Exercise goal — What is the number of lines in the data below that contain "IFCLOCALPLACEMENT"? Answer with that number and no other words.

Supplied data —
===============

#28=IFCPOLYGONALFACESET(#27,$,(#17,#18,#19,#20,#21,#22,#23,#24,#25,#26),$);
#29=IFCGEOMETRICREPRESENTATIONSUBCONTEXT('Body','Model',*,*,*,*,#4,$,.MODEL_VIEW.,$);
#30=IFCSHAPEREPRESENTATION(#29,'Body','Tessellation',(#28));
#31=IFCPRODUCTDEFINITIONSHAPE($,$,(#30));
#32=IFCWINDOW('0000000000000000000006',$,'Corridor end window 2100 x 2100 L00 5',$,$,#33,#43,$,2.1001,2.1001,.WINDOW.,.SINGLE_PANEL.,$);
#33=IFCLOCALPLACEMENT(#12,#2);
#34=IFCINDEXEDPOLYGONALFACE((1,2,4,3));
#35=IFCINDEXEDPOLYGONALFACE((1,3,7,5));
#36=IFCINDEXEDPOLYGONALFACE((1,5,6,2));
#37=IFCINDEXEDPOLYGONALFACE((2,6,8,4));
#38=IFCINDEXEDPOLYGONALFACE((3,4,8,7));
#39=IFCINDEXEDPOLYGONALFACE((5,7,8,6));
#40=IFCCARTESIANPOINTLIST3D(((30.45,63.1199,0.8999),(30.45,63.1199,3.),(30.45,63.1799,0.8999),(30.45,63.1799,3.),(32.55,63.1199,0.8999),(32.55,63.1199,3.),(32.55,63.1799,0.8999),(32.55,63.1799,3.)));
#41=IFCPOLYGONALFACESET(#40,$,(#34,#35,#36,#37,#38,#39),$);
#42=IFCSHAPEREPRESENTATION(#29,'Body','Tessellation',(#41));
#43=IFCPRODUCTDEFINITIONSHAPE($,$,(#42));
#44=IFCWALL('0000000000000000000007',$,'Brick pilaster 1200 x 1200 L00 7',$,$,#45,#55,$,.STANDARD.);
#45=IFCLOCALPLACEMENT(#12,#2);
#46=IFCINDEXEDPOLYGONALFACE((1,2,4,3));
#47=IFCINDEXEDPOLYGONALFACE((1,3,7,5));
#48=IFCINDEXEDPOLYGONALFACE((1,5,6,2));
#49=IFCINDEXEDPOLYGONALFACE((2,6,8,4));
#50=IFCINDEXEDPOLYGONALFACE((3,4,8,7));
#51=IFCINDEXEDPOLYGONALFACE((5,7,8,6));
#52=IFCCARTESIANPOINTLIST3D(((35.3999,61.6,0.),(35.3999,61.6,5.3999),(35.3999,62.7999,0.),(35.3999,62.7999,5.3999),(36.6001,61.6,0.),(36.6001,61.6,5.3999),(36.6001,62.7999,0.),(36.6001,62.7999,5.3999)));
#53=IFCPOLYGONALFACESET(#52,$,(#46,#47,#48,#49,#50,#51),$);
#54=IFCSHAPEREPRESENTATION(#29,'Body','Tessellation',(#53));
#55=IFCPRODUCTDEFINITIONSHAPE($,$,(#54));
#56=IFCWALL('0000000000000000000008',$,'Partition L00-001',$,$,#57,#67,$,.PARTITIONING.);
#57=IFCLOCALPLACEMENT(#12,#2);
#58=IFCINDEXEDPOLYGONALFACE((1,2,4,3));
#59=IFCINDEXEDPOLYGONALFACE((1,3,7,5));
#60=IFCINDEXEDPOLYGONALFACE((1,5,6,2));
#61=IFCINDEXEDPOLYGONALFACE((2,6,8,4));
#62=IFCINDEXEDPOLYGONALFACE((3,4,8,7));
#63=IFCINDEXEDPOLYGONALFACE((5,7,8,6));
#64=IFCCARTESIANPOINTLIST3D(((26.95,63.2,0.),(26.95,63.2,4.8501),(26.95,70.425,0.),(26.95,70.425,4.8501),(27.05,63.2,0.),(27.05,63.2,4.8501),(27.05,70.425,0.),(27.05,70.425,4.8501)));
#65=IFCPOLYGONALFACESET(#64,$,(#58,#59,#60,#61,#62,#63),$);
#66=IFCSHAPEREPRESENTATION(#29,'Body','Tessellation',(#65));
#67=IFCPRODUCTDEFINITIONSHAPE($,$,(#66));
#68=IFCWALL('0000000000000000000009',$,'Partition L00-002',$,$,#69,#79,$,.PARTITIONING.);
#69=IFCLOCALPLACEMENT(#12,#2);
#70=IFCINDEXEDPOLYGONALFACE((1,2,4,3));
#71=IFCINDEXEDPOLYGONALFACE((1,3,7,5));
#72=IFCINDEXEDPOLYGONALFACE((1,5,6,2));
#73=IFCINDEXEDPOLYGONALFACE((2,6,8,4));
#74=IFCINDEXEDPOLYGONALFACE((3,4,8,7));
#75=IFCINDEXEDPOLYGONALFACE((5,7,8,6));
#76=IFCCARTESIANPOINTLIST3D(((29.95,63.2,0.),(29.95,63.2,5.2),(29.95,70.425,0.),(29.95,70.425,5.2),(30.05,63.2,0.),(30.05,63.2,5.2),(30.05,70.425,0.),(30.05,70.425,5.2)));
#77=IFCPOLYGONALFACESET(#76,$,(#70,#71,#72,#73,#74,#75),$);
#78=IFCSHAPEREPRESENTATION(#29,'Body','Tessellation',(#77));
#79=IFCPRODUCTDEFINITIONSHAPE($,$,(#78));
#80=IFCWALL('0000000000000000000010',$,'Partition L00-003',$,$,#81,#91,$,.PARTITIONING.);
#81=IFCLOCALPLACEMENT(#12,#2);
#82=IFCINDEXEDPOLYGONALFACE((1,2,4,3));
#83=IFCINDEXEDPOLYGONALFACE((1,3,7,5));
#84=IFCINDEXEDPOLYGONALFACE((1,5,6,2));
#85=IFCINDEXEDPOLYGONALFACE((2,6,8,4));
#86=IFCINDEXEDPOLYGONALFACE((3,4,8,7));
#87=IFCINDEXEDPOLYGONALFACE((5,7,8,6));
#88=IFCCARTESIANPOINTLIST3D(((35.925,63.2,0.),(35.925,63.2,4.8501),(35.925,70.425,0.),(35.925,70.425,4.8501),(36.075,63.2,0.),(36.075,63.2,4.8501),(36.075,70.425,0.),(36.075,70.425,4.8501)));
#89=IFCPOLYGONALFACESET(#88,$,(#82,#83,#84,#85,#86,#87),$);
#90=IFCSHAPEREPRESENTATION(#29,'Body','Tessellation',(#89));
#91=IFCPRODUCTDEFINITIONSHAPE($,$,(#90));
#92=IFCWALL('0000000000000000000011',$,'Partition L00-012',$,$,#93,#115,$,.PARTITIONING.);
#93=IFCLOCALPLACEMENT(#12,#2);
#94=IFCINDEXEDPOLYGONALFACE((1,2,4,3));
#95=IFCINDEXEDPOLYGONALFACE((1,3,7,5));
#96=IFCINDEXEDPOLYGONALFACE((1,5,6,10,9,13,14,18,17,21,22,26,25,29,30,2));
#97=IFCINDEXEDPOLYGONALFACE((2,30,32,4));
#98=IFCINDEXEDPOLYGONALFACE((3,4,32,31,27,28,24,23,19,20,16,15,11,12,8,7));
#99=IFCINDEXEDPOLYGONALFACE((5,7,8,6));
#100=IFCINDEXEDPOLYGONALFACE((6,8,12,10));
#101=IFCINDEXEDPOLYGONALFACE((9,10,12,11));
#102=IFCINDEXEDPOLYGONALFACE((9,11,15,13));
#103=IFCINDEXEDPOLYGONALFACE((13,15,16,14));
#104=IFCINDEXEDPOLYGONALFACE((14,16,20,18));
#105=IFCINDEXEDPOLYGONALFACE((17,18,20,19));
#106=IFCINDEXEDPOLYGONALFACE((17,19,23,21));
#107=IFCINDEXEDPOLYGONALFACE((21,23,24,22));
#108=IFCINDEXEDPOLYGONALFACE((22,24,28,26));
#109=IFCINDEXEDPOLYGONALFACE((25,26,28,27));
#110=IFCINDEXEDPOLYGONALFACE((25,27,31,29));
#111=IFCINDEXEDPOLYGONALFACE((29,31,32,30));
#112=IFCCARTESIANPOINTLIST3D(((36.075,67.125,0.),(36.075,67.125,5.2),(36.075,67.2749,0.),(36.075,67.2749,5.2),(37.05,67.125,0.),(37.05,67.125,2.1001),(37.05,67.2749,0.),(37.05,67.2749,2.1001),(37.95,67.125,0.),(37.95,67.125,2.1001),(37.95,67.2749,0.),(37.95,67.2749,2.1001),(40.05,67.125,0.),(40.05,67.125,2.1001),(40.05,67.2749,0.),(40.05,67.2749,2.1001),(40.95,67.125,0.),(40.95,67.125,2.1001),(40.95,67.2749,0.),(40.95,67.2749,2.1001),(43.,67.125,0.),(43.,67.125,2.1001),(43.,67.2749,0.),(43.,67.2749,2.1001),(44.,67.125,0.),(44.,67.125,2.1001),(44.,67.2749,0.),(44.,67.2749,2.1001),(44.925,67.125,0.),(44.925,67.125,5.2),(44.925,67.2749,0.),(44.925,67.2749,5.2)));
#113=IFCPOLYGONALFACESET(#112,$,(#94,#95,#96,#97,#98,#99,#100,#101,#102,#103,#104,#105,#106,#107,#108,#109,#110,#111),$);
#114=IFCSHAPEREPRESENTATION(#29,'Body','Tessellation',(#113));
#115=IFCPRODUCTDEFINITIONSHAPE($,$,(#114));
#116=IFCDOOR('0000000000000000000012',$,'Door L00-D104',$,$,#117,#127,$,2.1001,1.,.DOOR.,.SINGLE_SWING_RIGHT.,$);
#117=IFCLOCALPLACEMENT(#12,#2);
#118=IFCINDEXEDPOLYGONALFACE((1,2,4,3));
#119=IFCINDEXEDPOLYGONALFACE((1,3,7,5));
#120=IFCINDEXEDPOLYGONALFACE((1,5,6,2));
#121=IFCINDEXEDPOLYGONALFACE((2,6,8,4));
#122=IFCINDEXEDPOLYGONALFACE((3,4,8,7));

===============

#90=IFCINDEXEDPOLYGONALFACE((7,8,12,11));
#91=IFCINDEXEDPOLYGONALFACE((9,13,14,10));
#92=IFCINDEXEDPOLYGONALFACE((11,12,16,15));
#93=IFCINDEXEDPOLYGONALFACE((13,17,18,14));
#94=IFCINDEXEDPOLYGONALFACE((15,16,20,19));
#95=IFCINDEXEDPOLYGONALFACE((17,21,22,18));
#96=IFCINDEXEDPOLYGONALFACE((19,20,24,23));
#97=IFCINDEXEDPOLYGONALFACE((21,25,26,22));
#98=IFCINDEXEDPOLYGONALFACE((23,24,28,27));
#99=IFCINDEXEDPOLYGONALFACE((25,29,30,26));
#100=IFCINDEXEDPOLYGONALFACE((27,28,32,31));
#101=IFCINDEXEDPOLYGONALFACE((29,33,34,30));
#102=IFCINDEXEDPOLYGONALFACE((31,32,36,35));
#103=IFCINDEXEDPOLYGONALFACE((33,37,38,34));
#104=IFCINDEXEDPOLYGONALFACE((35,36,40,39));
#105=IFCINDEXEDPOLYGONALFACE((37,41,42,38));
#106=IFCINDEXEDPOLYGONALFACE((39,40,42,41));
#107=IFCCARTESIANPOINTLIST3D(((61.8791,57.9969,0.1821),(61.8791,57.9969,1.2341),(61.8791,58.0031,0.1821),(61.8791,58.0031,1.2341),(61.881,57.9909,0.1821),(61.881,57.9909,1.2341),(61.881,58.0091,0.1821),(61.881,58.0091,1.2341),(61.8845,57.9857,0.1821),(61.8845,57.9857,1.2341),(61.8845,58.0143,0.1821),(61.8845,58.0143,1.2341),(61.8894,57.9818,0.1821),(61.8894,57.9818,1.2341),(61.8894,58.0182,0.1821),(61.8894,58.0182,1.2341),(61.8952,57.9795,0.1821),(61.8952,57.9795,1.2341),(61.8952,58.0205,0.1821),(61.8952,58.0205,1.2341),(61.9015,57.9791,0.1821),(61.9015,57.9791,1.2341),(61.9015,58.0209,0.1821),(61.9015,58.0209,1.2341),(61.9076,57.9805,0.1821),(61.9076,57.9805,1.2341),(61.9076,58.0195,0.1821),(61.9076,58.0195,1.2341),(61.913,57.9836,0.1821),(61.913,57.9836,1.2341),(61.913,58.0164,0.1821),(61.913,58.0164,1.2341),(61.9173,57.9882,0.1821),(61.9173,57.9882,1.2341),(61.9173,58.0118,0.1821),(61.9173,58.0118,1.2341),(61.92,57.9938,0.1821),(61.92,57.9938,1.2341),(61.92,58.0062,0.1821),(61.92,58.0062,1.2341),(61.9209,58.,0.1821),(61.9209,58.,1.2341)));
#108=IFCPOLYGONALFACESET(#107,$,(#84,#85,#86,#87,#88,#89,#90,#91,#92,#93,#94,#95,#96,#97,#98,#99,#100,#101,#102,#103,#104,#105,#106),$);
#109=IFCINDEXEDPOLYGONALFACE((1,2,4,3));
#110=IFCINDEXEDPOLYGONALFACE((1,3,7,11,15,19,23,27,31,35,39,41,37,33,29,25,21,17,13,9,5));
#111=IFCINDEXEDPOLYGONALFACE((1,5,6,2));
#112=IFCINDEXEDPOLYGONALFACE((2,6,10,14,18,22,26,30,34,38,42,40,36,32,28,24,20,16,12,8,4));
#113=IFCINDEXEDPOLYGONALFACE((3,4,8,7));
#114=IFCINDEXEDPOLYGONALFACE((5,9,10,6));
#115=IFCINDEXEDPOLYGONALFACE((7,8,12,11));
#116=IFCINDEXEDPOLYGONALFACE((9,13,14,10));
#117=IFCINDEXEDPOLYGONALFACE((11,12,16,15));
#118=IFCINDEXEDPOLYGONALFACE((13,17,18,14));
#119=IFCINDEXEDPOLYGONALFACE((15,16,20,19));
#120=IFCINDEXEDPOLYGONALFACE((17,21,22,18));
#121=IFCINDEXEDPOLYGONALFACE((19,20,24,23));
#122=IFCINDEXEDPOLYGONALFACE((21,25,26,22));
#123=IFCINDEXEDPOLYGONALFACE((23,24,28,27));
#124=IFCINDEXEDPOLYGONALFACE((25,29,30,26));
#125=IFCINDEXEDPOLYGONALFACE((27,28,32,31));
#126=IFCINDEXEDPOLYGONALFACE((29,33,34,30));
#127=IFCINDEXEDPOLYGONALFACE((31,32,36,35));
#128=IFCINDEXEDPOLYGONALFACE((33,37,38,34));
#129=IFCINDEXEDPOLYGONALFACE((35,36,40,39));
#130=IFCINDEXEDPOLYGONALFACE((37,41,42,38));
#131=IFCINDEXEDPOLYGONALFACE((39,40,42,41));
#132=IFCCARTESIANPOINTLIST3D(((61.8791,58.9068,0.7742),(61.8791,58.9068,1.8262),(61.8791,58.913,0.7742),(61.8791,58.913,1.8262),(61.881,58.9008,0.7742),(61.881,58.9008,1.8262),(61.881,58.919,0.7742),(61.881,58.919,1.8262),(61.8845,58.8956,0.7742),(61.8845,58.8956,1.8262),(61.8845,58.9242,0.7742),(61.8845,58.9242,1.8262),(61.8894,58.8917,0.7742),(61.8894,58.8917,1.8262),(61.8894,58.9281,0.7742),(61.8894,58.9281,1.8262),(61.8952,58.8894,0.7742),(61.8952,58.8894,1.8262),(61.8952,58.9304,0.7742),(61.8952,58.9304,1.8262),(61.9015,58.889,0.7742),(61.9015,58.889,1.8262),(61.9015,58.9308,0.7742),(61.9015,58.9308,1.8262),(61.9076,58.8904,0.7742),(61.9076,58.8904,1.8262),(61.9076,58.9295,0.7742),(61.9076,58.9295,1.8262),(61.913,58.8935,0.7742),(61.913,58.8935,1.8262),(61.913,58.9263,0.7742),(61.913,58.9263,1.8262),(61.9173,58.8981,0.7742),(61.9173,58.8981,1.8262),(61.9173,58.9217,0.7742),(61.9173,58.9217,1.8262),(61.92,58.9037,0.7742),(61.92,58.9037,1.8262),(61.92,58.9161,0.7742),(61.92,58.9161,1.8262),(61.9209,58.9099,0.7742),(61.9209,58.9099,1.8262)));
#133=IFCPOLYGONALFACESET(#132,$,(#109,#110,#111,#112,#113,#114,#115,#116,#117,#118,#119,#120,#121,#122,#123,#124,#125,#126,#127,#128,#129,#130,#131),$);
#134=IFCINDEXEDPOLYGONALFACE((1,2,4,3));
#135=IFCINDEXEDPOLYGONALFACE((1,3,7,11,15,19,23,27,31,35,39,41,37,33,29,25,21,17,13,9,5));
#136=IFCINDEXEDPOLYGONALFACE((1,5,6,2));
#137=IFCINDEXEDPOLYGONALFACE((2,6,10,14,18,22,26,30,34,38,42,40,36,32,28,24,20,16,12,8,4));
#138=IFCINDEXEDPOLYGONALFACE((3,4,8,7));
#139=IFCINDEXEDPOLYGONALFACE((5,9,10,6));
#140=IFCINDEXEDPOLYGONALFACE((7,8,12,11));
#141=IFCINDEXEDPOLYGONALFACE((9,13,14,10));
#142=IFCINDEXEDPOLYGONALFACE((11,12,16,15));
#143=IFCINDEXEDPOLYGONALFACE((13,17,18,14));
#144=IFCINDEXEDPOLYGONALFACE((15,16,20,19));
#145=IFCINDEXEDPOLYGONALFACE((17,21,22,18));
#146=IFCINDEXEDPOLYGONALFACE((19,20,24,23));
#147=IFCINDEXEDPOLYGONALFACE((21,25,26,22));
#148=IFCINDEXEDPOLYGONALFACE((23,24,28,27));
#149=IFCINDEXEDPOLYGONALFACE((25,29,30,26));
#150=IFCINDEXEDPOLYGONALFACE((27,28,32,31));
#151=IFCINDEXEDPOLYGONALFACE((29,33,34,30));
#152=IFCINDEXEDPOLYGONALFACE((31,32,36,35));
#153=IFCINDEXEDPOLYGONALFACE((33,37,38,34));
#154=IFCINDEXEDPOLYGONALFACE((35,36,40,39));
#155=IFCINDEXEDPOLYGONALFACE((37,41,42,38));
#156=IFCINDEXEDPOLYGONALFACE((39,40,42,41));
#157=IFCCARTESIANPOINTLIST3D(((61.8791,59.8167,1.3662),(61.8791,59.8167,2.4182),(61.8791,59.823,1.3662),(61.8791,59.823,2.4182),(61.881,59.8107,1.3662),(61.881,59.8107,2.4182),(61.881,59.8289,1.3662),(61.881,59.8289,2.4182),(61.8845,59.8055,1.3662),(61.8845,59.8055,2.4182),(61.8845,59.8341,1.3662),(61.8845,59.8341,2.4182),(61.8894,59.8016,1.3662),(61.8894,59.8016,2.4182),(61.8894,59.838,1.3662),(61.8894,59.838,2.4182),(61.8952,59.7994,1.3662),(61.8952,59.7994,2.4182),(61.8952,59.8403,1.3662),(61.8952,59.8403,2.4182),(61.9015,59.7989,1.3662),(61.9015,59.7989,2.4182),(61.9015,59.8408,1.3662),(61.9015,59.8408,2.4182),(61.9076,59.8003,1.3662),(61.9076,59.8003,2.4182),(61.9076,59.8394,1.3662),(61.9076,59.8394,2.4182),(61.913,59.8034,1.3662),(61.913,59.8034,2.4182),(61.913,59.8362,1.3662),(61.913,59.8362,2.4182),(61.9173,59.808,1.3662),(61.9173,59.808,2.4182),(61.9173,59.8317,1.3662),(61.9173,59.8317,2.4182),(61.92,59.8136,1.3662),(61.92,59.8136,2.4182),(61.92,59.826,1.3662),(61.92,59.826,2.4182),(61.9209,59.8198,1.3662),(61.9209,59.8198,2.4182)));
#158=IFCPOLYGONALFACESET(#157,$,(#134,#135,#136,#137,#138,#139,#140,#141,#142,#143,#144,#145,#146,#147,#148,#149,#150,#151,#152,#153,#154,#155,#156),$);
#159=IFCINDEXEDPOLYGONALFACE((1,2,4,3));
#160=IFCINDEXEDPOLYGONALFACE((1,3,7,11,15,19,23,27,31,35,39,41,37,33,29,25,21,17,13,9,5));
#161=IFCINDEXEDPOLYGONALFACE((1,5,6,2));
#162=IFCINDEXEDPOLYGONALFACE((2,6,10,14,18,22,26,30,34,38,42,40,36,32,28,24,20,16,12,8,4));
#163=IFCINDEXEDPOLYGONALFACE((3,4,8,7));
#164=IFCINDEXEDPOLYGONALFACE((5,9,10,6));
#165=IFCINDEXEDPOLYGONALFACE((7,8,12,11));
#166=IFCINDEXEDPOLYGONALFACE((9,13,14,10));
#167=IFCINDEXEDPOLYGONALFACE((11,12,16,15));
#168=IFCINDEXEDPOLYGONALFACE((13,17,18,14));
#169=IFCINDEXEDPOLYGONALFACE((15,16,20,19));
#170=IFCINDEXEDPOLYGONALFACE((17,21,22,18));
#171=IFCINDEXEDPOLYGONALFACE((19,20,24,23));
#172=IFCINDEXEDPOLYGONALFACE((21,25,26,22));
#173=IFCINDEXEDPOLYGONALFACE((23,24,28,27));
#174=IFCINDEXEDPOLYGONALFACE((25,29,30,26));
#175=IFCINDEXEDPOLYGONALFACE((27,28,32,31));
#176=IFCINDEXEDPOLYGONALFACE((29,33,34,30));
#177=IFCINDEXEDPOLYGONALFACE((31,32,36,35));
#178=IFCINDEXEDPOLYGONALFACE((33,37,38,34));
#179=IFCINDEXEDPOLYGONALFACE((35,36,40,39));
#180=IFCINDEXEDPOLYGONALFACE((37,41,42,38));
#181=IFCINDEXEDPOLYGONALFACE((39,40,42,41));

===============

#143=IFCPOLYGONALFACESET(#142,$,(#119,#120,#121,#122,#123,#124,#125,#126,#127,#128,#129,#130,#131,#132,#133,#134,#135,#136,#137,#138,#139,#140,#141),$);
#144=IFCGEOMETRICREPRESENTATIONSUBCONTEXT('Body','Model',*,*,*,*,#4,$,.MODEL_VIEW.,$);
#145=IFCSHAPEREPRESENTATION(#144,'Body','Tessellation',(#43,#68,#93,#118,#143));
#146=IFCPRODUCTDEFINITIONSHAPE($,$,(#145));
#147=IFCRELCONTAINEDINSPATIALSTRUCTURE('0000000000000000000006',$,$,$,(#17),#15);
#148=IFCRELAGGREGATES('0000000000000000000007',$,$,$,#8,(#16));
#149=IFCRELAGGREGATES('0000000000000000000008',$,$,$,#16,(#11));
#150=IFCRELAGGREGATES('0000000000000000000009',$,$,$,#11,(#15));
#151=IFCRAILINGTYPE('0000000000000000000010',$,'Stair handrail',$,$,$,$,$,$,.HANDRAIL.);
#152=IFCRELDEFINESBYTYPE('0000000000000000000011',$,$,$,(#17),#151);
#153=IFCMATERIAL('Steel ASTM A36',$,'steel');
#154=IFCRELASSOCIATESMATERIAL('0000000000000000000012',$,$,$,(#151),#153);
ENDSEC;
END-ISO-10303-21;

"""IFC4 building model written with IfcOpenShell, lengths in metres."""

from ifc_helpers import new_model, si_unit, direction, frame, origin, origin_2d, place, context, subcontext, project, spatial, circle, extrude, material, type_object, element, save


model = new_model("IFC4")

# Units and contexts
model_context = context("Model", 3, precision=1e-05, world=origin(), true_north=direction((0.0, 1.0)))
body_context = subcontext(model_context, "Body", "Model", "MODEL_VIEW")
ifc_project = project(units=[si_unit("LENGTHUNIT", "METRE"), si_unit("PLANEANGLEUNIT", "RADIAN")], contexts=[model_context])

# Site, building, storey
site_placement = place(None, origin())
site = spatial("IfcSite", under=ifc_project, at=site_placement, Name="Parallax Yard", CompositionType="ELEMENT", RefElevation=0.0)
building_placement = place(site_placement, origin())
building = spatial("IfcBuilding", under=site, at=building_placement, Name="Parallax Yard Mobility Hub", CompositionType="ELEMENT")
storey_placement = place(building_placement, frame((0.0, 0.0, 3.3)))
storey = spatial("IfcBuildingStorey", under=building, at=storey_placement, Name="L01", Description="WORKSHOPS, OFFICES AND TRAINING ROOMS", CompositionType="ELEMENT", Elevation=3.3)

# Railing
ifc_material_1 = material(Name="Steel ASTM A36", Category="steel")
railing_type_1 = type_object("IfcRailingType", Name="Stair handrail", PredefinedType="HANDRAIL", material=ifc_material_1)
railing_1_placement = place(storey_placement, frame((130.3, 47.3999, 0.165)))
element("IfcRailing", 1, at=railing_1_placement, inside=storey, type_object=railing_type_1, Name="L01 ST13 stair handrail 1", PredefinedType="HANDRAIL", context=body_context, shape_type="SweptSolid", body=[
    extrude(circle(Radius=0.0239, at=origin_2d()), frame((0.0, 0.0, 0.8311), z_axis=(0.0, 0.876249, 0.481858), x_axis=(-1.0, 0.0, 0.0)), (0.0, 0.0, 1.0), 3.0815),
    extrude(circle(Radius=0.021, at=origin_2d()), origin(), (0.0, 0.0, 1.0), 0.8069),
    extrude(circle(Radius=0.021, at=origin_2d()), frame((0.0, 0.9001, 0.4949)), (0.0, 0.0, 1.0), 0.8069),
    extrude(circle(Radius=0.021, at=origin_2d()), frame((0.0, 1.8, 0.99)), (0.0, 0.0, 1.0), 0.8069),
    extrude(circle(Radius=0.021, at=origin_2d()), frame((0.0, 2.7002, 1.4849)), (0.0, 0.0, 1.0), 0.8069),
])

===============

Final answer — 7